From the very first line down to the line containing "#5=IFCSIUNIT(*,.LENGTHUNIT.,$,.METRE.);", write out the material exactly as it appears, and no more.
+--
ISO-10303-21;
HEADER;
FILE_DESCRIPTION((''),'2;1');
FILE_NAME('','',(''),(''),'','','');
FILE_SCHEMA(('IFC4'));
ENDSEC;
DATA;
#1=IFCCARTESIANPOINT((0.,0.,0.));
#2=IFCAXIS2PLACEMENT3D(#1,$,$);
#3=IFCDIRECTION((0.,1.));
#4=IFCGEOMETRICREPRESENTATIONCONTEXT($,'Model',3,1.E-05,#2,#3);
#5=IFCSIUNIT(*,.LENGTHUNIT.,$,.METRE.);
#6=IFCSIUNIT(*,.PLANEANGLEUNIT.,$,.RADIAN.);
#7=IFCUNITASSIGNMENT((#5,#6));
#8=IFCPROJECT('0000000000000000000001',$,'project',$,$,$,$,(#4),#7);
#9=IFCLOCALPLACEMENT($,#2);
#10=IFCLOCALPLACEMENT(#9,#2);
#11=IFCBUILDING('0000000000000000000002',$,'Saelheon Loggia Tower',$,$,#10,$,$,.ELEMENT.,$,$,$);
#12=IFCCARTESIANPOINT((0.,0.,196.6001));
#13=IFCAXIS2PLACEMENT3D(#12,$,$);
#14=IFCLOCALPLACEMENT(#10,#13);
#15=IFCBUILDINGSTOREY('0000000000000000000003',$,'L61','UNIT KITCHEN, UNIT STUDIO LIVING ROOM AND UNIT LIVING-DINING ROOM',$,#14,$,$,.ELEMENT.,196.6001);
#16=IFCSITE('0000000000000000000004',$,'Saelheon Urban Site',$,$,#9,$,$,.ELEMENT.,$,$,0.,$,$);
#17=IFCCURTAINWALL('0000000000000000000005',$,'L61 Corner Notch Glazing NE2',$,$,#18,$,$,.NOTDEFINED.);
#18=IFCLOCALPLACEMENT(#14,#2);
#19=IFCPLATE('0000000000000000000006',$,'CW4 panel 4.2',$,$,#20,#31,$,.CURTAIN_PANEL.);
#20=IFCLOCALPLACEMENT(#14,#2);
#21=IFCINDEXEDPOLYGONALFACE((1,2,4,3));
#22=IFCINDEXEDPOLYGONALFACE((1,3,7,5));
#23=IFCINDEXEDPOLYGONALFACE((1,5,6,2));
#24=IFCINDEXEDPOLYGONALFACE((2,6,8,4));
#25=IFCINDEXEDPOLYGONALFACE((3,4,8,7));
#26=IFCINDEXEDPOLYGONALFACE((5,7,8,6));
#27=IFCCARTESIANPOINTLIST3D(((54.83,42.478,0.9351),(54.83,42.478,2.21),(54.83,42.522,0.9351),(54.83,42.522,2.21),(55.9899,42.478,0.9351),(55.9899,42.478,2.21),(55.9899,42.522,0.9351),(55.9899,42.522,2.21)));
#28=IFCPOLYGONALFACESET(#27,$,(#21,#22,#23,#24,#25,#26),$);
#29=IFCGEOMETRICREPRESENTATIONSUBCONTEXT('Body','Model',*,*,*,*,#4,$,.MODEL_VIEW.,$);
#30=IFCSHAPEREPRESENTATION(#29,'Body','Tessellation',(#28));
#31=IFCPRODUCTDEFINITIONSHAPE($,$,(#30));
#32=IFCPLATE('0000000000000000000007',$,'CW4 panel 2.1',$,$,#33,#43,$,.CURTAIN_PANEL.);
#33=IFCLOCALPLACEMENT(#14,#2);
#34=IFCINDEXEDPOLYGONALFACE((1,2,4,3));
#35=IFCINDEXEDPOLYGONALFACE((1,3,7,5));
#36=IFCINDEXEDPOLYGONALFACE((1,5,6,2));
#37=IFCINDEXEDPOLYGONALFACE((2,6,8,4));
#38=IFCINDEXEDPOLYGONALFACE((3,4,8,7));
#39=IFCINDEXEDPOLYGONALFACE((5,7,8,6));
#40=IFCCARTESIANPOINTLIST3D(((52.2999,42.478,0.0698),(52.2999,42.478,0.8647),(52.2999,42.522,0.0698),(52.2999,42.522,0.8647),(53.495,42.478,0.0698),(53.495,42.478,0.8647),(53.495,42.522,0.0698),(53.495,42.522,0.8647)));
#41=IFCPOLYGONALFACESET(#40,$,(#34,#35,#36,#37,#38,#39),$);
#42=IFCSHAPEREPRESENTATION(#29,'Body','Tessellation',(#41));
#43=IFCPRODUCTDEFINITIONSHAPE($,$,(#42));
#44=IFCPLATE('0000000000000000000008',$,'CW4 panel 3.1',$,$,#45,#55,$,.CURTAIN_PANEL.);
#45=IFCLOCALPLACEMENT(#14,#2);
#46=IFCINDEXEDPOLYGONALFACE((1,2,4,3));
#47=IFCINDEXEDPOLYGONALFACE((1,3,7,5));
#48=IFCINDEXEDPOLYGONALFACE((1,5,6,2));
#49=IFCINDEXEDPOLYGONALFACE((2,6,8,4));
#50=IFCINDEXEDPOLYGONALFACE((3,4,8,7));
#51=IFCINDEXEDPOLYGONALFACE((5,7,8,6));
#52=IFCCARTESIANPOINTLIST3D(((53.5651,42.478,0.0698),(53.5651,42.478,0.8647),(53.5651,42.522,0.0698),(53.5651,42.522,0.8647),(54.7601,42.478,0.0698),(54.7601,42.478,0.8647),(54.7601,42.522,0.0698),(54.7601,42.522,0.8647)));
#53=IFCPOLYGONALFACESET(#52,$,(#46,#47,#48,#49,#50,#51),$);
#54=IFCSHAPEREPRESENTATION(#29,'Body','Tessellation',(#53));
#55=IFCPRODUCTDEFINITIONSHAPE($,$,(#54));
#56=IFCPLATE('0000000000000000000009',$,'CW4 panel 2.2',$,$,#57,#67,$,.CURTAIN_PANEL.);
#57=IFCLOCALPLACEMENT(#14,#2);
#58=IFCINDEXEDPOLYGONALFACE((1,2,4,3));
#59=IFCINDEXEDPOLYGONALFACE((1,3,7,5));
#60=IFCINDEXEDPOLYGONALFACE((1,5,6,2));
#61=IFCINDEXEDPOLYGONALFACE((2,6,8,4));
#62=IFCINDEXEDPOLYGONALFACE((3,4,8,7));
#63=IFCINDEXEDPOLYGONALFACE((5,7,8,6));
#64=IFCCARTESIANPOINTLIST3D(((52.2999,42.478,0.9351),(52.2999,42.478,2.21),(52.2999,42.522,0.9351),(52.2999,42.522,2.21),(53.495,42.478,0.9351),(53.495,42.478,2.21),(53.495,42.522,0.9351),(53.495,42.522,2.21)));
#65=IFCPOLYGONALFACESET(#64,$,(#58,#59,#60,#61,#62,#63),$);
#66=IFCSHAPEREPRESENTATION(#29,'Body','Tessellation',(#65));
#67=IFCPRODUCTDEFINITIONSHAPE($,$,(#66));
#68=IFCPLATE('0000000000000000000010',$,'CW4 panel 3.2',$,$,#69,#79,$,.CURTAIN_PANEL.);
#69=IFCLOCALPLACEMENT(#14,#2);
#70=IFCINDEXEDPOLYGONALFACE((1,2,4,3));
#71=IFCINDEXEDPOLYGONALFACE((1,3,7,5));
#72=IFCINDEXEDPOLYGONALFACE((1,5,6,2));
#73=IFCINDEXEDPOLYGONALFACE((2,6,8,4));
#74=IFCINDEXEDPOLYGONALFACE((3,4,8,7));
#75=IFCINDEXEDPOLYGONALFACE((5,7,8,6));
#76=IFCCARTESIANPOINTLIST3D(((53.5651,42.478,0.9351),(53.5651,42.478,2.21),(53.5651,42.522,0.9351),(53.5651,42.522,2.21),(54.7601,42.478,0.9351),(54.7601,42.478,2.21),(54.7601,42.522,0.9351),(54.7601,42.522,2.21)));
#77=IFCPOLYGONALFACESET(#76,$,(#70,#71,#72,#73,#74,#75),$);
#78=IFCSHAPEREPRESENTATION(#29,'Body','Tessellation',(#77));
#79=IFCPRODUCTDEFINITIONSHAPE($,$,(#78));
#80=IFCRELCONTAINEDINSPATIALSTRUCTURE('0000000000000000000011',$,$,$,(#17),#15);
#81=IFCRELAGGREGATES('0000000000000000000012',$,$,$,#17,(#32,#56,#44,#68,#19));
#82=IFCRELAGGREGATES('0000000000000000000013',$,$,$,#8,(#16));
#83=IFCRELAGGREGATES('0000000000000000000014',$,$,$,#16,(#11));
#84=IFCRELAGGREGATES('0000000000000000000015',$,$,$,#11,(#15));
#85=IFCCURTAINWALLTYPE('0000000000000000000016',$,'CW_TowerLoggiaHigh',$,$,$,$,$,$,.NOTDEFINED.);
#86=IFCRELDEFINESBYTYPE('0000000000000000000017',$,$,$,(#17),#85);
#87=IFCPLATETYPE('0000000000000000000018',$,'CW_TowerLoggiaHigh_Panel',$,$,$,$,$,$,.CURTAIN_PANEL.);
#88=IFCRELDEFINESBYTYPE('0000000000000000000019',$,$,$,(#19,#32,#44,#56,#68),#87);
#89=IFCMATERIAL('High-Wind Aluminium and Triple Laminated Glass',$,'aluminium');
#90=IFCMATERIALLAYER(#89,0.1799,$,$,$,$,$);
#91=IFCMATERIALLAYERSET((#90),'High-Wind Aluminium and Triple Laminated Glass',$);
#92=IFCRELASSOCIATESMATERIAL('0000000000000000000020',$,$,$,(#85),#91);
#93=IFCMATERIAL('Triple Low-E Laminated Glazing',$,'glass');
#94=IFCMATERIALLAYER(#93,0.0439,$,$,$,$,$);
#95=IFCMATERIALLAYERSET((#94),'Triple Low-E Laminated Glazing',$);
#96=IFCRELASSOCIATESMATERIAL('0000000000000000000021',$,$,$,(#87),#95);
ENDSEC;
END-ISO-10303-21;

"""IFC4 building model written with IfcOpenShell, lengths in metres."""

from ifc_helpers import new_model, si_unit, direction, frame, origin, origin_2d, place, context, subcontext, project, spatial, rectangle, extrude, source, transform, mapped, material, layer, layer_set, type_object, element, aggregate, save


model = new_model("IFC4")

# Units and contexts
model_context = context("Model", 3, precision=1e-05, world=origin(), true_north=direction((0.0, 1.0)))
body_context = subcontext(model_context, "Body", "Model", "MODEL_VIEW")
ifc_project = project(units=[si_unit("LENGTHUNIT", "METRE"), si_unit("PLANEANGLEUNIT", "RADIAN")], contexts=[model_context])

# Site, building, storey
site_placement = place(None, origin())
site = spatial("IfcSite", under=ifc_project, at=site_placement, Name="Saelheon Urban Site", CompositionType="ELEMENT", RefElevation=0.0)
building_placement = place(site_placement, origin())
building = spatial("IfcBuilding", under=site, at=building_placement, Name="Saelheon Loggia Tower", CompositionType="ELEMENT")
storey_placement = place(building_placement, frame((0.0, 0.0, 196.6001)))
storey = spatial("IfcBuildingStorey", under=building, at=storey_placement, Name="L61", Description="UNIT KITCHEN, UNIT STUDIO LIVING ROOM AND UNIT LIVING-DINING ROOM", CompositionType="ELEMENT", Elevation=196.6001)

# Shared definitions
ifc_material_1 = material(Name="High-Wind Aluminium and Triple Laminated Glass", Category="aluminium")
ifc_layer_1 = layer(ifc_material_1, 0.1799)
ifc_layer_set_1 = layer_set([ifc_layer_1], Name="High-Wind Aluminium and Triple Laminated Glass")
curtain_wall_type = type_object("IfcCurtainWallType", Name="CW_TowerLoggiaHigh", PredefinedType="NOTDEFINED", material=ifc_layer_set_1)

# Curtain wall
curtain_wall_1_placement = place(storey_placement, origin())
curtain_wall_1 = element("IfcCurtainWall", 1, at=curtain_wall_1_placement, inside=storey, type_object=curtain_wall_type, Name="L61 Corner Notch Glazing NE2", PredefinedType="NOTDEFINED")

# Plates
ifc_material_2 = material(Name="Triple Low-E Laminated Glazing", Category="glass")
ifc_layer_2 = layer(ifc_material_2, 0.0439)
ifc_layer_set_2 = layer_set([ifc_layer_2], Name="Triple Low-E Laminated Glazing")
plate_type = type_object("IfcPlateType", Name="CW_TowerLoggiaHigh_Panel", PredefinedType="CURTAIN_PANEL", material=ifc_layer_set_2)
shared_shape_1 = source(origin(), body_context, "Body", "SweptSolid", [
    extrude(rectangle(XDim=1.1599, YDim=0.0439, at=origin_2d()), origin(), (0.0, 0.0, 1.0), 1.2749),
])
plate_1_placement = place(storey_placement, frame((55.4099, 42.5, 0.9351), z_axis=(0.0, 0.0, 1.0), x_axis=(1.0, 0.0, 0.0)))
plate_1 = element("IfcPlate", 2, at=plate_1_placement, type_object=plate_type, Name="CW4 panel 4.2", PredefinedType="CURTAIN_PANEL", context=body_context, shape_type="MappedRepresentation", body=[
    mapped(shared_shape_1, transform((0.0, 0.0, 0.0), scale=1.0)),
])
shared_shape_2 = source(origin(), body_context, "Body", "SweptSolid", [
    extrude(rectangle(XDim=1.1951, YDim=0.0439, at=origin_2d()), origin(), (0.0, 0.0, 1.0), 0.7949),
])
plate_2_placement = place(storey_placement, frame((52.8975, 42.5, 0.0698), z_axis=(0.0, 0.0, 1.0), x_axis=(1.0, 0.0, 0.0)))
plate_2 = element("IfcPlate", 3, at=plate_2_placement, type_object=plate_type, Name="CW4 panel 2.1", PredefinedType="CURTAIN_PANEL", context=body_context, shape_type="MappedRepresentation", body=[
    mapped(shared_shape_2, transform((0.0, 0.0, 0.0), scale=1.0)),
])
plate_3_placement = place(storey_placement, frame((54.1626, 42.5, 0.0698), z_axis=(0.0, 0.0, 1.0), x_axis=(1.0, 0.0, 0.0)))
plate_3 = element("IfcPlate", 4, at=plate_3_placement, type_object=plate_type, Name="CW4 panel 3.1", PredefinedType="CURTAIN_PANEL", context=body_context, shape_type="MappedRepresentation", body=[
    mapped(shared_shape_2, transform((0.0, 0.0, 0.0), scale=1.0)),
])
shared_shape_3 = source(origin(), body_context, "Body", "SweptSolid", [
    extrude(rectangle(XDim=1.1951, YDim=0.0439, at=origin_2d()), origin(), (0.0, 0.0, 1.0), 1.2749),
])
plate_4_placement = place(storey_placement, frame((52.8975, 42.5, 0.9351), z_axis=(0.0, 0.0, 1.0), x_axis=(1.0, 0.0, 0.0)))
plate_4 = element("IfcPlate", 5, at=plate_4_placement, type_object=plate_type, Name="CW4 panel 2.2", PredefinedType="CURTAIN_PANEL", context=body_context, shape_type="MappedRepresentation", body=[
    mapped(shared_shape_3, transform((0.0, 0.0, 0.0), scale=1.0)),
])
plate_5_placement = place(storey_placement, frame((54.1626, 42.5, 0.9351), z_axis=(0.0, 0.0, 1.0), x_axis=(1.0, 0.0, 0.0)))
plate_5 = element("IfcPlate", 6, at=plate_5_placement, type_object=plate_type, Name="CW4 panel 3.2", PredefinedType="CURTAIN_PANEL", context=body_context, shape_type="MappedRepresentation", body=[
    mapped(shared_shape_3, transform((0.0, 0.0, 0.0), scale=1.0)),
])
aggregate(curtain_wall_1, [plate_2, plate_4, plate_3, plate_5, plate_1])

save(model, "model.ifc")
+--
SOLUTION TO THIS EXERCISE →
ISO-10303-21;
HEADER;
FILE_DESCRIPTION((''),'2;1');
FILE_NAME('','',(''),(''),'','','');
FILE_SCHEMA(('IFC4'));
ENDSEC;
DATA;
#1=IFCCARTESIANPOINT((0.,0.,0.));
#2=IFCAXIS2PLACEMENT3D(#1,$,$);
#3=IFCDIRECTION((0.,1.));
#4=IFCGEOMETRICREPRESENTATIONCONTEXT($,'Model',3,1.E-05,#2,#3);
#5=IFCSIUNIT(*,.LENGTHUNIT.,$,.METRE.);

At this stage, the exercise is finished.